TASK PROMPT: Keep to one stretch of the data below, the lines from the one with "#4=IFCGEOMETRICREPRESENTATIONCONTEXT($,'Model',3,1.E-05,#2,#3);" up to and including the one with "#29=IFCPRODUCTDEFINITIONSHAPE($,$,(#28));", and return that stretch exactly.

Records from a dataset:
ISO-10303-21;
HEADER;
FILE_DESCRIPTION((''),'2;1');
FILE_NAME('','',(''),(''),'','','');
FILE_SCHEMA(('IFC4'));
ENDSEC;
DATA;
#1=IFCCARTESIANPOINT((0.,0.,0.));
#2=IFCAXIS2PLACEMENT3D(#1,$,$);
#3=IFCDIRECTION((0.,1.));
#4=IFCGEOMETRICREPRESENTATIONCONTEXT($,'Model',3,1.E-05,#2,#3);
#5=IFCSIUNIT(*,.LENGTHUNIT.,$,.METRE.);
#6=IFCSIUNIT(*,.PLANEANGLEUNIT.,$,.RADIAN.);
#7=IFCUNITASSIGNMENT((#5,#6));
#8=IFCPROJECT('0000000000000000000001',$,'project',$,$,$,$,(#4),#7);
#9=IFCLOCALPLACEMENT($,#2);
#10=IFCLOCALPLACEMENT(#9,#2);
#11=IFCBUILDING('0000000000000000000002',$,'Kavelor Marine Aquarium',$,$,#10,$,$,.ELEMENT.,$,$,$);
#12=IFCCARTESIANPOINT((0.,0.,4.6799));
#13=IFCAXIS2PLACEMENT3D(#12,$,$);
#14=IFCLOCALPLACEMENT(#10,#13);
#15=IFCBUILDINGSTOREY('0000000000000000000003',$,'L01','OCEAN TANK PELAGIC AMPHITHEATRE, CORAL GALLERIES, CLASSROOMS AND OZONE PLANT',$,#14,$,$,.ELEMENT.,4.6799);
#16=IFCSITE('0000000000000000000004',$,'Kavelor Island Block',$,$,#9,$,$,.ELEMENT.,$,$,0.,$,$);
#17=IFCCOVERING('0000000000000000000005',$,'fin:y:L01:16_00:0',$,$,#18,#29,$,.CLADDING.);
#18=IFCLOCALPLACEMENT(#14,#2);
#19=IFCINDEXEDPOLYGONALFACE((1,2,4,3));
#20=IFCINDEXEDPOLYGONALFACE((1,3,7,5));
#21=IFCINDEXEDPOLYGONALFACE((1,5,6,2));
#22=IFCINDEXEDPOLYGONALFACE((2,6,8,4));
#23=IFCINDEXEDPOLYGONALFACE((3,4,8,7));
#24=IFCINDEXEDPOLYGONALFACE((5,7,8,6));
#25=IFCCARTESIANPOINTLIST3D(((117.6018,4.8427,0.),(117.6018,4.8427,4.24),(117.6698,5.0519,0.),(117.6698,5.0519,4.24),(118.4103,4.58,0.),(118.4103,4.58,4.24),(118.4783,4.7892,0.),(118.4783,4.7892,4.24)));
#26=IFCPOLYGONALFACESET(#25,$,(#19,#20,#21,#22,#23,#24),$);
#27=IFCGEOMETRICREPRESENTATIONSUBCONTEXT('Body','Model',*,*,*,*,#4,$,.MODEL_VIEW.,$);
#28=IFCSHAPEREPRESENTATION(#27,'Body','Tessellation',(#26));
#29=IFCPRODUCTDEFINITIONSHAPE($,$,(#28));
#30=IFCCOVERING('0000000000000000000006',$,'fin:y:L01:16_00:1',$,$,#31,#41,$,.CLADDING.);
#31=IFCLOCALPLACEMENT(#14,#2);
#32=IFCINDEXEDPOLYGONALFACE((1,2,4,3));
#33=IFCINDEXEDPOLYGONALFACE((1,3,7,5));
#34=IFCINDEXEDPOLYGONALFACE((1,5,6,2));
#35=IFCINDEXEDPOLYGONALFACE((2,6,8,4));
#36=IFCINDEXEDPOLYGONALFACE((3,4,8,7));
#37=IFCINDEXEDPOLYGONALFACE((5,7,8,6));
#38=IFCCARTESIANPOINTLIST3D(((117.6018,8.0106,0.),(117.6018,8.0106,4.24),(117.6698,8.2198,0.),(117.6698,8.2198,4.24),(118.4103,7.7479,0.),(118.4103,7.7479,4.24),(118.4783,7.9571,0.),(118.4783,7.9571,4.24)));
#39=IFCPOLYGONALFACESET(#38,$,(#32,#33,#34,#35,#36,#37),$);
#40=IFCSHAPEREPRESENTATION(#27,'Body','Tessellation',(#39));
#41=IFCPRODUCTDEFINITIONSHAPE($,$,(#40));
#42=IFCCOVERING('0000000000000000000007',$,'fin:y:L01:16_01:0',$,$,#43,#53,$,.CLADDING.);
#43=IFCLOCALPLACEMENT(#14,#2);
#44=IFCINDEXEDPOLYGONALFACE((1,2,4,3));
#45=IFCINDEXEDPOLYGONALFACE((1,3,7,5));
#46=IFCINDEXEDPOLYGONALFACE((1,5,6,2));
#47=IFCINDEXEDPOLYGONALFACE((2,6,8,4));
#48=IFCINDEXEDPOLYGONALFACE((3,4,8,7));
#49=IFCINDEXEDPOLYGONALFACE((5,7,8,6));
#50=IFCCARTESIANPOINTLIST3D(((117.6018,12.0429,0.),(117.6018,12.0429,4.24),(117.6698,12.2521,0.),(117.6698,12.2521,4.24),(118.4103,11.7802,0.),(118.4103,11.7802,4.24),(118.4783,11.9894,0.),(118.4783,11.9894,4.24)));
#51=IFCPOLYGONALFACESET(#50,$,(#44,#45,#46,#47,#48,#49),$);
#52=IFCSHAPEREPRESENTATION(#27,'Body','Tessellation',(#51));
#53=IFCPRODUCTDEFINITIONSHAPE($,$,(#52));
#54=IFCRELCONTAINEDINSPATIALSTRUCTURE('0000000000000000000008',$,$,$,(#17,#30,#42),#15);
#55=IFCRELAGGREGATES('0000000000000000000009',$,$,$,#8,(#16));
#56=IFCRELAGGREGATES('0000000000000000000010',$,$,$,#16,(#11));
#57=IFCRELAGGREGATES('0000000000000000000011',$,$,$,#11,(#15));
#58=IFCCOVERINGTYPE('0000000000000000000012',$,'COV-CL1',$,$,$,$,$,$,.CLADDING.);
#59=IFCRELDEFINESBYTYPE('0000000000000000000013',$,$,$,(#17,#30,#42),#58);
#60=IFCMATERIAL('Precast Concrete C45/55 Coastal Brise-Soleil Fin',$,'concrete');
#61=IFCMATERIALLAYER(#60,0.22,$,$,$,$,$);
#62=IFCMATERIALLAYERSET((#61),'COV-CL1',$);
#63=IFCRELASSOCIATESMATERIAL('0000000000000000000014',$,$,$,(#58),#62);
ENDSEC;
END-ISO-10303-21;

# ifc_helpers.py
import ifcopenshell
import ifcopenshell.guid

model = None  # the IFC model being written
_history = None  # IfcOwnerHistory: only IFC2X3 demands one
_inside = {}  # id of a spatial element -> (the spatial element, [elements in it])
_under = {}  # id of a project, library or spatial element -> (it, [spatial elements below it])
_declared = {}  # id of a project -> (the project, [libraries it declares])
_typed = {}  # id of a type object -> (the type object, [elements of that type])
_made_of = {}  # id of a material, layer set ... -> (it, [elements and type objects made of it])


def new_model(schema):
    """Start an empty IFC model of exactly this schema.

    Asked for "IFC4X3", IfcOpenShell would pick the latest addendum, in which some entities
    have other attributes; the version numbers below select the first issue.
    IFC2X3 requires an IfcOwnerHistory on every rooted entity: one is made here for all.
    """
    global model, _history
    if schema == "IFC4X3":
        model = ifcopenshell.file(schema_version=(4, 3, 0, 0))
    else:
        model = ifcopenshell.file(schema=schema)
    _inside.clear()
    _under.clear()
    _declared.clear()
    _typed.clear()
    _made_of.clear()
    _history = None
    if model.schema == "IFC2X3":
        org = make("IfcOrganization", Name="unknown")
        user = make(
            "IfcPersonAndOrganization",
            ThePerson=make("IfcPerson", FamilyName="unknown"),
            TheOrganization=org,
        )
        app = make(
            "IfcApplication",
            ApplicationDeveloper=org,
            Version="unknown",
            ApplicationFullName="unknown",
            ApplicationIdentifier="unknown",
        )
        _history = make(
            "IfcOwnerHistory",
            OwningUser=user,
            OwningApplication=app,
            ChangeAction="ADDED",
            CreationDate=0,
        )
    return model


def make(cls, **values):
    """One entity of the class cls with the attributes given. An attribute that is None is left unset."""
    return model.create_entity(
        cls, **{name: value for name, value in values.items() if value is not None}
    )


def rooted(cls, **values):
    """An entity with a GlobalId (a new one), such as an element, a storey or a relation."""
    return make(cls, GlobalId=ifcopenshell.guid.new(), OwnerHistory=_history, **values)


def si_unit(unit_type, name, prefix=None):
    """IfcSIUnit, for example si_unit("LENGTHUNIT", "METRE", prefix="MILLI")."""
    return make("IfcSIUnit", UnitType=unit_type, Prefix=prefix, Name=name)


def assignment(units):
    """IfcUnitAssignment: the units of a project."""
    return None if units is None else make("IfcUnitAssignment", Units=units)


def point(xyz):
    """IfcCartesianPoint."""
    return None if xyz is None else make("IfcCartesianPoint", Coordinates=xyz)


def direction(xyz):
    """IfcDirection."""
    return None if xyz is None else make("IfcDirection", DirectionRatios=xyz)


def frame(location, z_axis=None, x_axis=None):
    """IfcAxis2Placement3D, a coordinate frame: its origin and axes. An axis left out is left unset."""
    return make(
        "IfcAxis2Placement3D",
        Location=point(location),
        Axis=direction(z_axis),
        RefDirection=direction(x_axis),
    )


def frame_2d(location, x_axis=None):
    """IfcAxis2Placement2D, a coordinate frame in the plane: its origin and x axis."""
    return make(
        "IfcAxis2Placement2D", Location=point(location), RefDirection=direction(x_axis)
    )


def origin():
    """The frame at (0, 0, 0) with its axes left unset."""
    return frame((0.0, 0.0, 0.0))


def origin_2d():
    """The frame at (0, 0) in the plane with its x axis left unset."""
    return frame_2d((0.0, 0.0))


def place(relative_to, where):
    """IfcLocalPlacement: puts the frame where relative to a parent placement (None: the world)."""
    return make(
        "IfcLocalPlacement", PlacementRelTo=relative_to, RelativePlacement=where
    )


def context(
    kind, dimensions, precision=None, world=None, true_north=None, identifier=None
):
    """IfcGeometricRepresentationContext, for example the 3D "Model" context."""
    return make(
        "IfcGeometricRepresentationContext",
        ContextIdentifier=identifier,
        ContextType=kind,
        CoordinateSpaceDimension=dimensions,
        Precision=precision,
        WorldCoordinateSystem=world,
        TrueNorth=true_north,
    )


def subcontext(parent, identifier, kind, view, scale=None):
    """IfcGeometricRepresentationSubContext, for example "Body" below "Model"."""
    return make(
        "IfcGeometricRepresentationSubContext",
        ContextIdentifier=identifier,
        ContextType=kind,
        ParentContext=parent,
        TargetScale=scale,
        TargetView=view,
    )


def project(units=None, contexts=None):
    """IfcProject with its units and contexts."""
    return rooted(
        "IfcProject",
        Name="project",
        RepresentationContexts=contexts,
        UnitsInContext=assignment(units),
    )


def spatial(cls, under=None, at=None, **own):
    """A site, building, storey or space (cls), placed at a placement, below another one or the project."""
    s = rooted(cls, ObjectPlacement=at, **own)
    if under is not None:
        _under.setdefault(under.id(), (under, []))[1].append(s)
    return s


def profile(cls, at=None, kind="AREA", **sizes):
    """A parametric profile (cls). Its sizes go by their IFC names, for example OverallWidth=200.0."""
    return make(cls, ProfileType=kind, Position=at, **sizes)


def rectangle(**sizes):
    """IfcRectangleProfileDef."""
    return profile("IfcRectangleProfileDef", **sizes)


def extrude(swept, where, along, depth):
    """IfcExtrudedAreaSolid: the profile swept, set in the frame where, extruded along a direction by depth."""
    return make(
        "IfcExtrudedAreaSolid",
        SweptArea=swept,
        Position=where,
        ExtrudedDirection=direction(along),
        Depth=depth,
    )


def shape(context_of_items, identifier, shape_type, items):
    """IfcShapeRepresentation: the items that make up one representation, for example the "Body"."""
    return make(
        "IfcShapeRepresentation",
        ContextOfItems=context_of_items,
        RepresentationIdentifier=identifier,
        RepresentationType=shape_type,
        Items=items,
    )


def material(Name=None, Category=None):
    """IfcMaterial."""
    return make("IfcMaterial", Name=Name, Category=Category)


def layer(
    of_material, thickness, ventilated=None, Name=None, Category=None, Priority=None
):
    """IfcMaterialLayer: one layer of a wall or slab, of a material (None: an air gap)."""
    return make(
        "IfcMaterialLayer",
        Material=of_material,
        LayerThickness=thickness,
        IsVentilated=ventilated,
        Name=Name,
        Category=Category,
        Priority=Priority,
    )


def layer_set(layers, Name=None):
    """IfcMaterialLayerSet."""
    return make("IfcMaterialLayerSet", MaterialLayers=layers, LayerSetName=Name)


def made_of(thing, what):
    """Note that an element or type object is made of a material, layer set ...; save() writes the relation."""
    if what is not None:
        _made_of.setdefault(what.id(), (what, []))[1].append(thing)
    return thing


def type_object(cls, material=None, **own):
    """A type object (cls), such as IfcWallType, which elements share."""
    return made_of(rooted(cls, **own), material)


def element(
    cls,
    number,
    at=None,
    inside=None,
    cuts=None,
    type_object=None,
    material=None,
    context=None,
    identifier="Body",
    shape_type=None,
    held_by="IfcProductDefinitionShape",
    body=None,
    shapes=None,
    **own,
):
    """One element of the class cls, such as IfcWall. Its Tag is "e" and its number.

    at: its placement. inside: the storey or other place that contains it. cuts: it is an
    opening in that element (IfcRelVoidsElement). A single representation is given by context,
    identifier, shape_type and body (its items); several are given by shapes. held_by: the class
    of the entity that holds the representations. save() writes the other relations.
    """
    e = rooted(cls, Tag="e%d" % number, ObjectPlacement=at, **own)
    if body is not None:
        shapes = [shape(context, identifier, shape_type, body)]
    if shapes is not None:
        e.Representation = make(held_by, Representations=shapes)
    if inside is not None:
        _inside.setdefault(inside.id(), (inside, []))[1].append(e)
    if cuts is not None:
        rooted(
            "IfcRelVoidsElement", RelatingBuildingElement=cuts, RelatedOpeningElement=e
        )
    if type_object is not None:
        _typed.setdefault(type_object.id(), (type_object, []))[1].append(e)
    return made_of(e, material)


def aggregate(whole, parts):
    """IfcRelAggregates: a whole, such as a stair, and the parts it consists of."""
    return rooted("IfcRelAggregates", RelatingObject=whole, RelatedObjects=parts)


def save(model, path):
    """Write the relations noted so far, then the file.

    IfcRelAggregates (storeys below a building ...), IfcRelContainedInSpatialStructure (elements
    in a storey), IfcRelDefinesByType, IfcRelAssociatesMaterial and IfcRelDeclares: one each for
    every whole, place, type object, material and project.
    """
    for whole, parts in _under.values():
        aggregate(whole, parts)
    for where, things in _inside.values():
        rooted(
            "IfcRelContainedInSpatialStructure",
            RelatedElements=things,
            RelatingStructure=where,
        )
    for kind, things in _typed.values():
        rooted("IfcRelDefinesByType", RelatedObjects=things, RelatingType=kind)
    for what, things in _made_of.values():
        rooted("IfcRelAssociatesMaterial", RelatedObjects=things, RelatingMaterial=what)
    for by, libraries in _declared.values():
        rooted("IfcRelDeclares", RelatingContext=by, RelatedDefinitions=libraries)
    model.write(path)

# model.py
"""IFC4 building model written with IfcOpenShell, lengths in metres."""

from ifc_helpers import new_model, si_unit, direction, frame, origin, origin_2d, place, context, subcontext, project, spatial, rectangle, extrude, material, layer, layer_set, type_object, element, save


model = new_model("IFC4")

# Units and contexts
model_context = context("Model", 3, precision=1e-05, world=origin(), true_north=direction((0.0, 1.0)))
body_context = subcontext(model_context, "Body", "Model", "MODEL_VIEW")
ifc_project = project(units=[si_unit("LENGTHUNIT", "METRE"), si_unit("PLANEANGLEUNIT", "RADIAN")], contexts=[model_context])

# Site, building, storey
site_placement = place(None, origin())
site = spatial("IfcSite", under=ifc_project, at=site_placement, Name="Kavelor Island Block", CompositionType="ELEMENT", RefElevation=0.0)
building_placement = place(site_placement, origin())
building = spatial("IfcBuilding", under=site, at=building_placement, Name="Kavelor Marine Aquarium", CompositionType="ELEMENT")
storey_placement = place(building_placement, frame((0.0, 0.0, 4.6799)))
storey = spatial("IfcBuildingStorey", under=building, at=storey_placement, Name="L01", Description="OCEAN TANK PELAGIC AMPHITHEATRE, CORAL GALLERIES, CLASSROOMS AND OZONE PLANT", CompositionType="ELEMENT", Elevation=4.6799)

# Coverings
ifc_material_1 = material(Name="Precast Concrete C45/55 Coastal Brise-Soleil Fin", Category="concrete")
ifc_layer_1 = layer(ifc_material_1, 0.22)
ifc_layer_set_1 = layer_set([ifc_layer_1], Name="COV-CL1")
covering_type = type_object("IfcCoveringType", Name="COV-CL1", PredefinedType="CLADDING", material=ifc_layer_set_1)
for number, where, z_axis, x_axis, name in (
    (1, (118.04, 4.8159, 0.0), (0.0, 0.0, 1.0), (0.951057, -0.309017, 0.0), "fin:y:L01:16_00:0"),
    (2, (118.04, 7.9839, 0.0), (0.0, 0.0, 1.0), (0.951057, -0.309017, 0.0), "fin:y:L01:16_00:1"),
    (3, (118.04, 12.0161, 0.0), (0.0, 0.0, 1.0), (0.951057, -0.309017, 0.0), "fin:y:L01:16_01:0"),
):
    element("IfcCovering", number, at=place(storey_placement, frame(where, z_axis=z_axis, x_axis=x_axis)), inside=storey, type_object=covering_type, Name=name, PredefinedType="CLADDING", context=body_context, shape_type="SweptSolid", body=[
        extrude(rectangle(XDim=0.8501, YDim=0.22, at=origin_2d()), origin(), (0.0, 0.0, 1.0), 4.24),
    ])

save(model, "model.ifc")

SOLVED EXERCISE:
#4=IFCGEOMETRICREPRESENTATIONCONTEXT($,'Model',3,1.E-05,#2,#3);
#5=IFCSIUNIT(*,.LENGTHUNIT.,$,.METRE.);
#6=IFCSIUNIT(*,.PLANEANGLEUNIT.,$,.RADIAN.);
#7=IFCUNITASSIGNMENT((#5,#6));
#8=IFCPROJECT('0000000000000000000001',$,'project',$,$,$,$,(#4),#7);
#9=IFCLOCALPLACEMENT($,#2);
#10=IFCLOCALPLACEMENT(#9,#2);
#11=IFCBUILDING('0000000000000000000002',$,'Kavelor Marine Aquarium',$,$,#10,$,$,.ELEMENT.,$,$,$);
#12=IFCCARTESIANPOINT((0.,0.,4.6799));
#13=IFCAXIS2PLACEMENT3D(#12,$,$);
#14=IFCLOCALPLACEMENT(#10,#13);
#15=IFCBUILDINGSTOREY('0000000000000000000003',$,'L01','OCEAN TANK PELAGIC AMPHITHEATRE, CORAL GALLERIES, CLASSROOMS AND OZONE PLANT',$,#14,$,$,.ELEMENT.,4.6799);
#16=IFCSITE('0000000000000000000004',$,'Kavelor Island Block',$,$,#9,$,$,.ELEMENT.,$,$,0.,$,$);
#17=IFCCOVERING('0000000000000000000005',$,'fin:y:L01:16_00:0',$,$,#18,#29,$,.CLADDING.);
#18=IFCLOCALPLACEMENT(#14,#2);
#19=IFCINDEXEDPOLYGONALFACE((1,2,4,3));
#20=IFCINDEXEDPOLYGONALFACE((1,3,7,5));
#21=IFCINDEXEDPOLYGONALFACE((1,5,6,2));
#22=IFCINDEXEDPOLYGONALFACE((2,6,8,4));
#23=IFCINDEXEDPOLYGONALFACE((3,4,8,7));
#24=IFCINDEXEDPOLYGONALFACE((5,7,8,6));
#25=IFCCARTESIANPOINTLIST3D(((117.6018,4.8427,0.),(117.6018,4.8427,4.24),(117.6698,5.0519,0.),(117.6698,5.0519,4.24),(118.4103,4.58,0.),(118.4103,4.58,4.24),(118.4783,4.7892,0.),(118.4783,4.7892,4.24)));
#26=IFCPOLYGONALFACESET(#25,$,(#19,#20,#21,#22,#23,#24),$);
#27=IFCGEOMETRICREPRESENTATIONSUBCONTEXT('Body','Model',*,*,*,*,#4,$,.MODEL_VIEW.,$);
#28=IFCSHAPEREPRESENTATION(#27,'Body','Tessellation',(#26));
#29=IFCPRODUCTDEFINITIONSHAPE($,$,(#28));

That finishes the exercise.